*Brief*: Beginning with the opening line, set down each line of the material below exactly, stopping once the line with "#183=IFCINDEXEDPOLYGONALFACE((61,62,64,63));" is done.

*Data for processing*:
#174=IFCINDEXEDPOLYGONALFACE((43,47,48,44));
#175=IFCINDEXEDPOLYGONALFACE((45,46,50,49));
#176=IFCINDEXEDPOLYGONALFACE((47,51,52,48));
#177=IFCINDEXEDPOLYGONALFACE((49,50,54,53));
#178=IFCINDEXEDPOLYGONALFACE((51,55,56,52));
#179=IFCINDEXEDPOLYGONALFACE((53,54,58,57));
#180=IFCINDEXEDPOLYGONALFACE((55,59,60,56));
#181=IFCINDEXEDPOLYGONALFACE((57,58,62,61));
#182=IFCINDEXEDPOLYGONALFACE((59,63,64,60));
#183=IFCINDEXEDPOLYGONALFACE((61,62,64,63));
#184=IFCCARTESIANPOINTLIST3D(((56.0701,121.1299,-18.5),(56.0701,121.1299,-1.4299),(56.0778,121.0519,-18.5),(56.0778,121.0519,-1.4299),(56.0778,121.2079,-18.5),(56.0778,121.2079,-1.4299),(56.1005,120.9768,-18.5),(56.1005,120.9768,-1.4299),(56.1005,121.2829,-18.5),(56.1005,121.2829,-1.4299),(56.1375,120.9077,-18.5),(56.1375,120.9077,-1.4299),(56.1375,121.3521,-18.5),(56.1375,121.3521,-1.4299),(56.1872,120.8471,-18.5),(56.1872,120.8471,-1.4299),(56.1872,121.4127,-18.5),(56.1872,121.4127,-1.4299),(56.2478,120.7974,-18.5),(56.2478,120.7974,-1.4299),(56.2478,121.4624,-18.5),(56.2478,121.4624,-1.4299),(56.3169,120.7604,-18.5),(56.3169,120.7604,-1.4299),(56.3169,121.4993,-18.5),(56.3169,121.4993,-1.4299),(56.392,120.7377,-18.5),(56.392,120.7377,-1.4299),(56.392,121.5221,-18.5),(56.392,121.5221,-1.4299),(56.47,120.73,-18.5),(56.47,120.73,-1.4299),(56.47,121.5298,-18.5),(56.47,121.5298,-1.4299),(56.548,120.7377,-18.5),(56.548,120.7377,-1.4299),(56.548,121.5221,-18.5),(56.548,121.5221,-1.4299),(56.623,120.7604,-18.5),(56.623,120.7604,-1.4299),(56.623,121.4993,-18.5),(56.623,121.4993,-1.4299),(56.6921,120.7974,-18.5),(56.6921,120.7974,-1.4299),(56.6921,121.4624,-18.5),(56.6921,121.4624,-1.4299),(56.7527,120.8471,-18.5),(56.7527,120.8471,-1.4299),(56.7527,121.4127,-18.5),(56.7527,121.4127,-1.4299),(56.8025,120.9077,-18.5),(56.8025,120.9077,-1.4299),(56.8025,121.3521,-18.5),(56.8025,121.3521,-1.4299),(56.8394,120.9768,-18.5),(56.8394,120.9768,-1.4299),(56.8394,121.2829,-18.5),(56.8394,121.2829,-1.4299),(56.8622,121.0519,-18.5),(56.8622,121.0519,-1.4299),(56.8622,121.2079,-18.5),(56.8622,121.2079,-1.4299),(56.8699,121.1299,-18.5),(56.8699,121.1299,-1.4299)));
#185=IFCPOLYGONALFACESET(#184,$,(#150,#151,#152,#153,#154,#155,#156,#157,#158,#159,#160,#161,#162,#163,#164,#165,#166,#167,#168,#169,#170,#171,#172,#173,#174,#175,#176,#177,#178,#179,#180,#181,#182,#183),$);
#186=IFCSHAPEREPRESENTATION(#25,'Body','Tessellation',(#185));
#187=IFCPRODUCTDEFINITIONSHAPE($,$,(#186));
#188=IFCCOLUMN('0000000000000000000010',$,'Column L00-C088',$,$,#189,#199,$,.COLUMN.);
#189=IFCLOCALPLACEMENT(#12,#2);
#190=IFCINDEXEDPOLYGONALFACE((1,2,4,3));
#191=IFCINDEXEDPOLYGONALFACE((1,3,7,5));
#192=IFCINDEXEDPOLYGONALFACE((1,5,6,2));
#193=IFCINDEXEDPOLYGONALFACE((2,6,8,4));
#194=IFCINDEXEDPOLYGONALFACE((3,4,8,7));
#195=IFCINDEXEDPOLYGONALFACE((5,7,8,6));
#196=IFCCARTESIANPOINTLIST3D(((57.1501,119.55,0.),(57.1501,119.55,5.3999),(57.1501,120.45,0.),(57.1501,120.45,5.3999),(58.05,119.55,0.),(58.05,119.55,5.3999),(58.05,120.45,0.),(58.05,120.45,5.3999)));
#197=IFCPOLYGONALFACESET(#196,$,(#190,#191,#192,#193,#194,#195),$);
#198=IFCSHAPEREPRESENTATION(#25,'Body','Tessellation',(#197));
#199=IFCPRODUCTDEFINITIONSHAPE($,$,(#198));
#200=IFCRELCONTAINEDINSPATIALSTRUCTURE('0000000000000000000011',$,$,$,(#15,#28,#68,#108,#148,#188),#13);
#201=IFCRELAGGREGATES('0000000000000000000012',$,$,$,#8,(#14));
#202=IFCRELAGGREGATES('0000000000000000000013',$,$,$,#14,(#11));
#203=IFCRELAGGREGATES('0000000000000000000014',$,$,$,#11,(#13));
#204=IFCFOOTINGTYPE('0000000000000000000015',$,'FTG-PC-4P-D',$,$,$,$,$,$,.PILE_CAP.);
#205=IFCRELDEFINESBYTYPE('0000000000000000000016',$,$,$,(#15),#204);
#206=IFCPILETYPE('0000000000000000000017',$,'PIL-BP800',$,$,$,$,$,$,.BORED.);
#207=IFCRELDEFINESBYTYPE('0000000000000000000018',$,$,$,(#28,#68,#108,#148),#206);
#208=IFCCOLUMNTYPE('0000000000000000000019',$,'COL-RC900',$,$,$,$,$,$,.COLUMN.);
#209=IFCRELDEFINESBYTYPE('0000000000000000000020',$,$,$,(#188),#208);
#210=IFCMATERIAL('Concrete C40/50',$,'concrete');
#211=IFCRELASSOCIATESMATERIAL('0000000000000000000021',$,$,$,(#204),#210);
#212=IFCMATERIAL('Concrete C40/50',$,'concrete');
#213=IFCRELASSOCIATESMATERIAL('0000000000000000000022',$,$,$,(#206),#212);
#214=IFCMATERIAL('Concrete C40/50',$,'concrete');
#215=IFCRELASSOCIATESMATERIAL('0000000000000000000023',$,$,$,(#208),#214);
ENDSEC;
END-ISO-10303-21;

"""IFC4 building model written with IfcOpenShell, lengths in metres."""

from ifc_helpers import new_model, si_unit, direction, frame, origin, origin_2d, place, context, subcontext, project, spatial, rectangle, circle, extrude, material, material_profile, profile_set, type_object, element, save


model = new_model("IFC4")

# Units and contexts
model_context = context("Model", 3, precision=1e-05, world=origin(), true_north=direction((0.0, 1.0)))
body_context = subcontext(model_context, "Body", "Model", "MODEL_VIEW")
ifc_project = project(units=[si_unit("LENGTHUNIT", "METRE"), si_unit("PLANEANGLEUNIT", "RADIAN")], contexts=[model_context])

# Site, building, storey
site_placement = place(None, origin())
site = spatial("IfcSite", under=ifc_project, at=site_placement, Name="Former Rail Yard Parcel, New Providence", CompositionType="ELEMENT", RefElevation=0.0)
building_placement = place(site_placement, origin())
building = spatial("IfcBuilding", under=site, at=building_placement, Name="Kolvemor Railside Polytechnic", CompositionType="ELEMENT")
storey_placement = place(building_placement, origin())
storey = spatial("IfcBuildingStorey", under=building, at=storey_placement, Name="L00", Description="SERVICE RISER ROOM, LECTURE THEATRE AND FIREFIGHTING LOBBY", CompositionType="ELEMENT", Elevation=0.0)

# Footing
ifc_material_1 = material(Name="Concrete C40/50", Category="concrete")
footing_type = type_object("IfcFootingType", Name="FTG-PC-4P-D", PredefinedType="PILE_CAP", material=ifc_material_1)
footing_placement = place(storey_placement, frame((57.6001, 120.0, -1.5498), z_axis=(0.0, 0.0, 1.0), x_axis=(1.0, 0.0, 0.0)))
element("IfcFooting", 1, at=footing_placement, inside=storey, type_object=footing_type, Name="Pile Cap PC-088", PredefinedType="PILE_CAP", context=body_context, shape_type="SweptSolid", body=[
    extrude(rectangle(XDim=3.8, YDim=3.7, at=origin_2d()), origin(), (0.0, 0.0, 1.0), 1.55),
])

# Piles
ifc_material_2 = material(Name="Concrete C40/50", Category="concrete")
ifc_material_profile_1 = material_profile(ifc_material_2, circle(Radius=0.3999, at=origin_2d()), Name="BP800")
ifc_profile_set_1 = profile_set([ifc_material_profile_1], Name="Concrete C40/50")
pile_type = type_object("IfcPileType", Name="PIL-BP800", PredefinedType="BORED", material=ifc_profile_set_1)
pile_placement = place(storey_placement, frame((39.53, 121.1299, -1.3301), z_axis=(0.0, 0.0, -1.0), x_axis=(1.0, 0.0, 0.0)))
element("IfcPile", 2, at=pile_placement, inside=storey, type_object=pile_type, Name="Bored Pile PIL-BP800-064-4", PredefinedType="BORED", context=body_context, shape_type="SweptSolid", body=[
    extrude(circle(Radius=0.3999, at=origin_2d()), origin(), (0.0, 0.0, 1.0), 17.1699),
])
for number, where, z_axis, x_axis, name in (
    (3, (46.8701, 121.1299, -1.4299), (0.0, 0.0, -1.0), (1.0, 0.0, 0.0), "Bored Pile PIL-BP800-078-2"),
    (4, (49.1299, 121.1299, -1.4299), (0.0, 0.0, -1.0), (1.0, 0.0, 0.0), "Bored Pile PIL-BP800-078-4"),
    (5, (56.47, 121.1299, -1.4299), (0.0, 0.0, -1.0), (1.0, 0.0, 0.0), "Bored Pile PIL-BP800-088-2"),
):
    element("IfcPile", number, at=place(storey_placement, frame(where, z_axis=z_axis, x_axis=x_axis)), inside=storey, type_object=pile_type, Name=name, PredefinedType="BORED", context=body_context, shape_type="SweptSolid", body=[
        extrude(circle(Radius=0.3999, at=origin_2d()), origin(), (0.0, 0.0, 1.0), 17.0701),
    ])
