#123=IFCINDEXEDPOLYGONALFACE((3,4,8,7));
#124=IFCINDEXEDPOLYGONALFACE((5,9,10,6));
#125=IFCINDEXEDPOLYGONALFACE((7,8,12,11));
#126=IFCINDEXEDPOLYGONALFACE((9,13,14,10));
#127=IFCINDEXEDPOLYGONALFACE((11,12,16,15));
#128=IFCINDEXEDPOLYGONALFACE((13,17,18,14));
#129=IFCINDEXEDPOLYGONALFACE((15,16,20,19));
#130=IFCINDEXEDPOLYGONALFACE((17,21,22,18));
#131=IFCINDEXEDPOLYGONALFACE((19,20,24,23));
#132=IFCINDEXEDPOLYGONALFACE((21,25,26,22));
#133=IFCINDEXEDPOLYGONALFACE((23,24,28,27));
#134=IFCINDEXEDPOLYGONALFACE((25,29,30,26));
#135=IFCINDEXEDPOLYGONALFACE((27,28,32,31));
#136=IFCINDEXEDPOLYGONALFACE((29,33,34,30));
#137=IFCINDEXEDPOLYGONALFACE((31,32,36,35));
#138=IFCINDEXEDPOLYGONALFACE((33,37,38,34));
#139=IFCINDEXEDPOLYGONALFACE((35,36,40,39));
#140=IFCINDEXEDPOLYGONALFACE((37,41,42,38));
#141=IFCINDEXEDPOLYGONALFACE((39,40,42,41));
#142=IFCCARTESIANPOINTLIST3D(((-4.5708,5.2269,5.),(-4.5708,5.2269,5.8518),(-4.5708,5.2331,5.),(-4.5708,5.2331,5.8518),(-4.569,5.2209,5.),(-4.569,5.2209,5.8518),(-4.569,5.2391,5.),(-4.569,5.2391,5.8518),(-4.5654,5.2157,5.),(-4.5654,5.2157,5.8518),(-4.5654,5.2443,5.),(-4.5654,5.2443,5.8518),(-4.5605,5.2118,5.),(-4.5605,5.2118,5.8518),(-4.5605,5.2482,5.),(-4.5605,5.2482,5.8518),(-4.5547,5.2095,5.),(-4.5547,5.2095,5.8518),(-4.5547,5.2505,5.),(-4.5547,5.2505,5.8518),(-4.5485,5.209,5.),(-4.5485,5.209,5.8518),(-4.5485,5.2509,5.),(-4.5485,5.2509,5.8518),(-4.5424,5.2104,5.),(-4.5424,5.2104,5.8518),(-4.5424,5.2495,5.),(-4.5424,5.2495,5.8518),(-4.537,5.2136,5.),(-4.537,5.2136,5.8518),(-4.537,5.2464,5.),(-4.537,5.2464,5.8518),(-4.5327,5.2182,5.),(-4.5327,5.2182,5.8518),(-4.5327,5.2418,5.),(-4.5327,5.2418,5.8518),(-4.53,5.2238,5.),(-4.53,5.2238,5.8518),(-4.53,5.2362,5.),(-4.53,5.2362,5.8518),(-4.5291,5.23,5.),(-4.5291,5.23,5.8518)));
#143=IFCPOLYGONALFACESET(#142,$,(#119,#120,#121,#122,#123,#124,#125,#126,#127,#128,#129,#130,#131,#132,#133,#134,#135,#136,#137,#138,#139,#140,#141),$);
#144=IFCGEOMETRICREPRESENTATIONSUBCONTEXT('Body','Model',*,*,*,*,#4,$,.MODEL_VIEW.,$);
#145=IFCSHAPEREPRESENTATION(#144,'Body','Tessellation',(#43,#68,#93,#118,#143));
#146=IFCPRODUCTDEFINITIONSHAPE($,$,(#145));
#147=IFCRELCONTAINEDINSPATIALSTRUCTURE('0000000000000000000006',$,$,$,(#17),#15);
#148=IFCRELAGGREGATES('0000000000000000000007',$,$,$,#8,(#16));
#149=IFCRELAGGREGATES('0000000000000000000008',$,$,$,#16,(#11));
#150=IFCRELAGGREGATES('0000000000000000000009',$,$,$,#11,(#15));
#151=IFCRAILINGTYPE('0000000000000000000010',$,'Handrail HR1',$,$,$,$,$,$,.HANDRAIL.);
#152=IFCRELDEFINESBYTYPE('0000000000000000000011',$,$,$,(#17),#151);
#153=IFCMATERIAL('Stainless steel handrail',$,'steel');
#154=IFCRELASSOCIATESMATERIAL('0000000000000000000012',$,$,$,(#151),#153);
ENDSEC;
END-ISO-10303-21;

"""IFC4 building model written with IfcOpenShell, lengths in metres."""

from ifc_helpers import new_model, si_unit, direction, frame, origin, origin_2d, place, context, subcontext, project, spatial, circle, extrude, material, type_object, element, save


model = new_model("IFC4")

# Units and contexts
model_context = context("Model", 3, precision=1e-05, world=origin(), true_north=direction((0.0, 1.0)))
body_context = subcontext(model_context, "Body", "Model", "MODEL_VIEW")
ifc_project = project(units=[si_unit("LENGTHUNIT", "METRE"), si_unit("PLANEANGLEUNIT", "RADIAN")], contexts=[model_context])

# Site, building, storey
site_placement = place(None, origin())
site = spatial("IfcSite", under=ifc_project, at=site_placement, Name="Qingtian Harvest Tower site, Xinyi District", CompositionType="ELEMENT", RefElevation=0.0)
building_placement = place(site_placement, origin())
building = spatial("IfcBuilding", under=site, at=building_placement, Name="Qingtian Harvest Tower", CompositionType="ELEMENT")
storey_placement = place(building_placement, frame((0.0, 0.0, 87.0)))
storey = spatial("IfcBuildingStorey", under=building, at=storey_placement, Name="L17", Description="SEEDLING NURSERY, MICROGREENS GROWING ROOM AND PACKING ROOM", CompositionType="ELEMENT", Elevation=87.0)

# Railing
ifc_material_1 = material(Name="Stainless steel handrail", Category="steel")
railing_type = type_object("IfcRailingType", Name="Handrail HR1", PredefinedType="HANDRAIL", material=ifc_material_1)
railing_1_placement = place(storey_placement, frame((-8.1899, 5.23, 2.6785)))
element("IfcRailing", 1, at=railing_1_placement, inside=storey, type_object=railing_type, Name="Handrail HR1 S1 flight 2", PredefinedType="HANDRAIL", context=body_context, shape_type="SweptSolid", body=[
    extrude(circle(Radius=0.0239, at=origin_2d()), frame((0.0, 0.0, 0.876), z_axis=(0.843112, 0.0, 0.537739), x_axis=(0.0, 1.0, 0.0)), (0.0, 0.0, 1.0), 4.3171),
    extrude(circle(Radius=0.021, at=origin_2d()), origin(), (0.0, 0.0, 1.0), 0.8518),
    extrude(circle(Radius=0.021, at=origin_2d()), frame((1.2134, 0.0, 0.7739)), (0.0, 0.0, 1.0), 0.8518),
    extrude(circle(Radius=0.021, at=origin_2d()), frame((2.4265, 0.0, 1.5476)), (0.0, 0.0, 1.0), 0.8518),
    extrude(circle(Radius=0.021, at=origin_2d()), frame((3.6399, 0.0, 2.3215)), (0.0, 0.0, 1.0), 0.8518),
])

*Response to the exercise*:
#174=IFCINDEXEDPOLYGONALFACE((43,47,48,44));
#175=IFCINDEXEDPOLYGONALFACE((45,46,50,49));
#176=IFCINDEXEDPOLYGONALFACE((47,51,52,48));
#177=IFCINDEXEDPOLYGONALFACE((49,50,54,53));
#178=IFCINDEXEDPOLYGONALFACE((51,55,56,52));
#179=IFCINDEXEDPOLYGONALFACE((53,54,58,57));
#180=IFCINDEXEDPOLYGONALFACE((55,59,60,56));
#181=IFCINDEXEDPOLYGONALFACE((57,58,62,61));
#182=IFCINDEXEDPOLYGONALFACE((59,63,64,60));
#183=IFCINDEXEDPOLYGONALFACE((61,62,64,63));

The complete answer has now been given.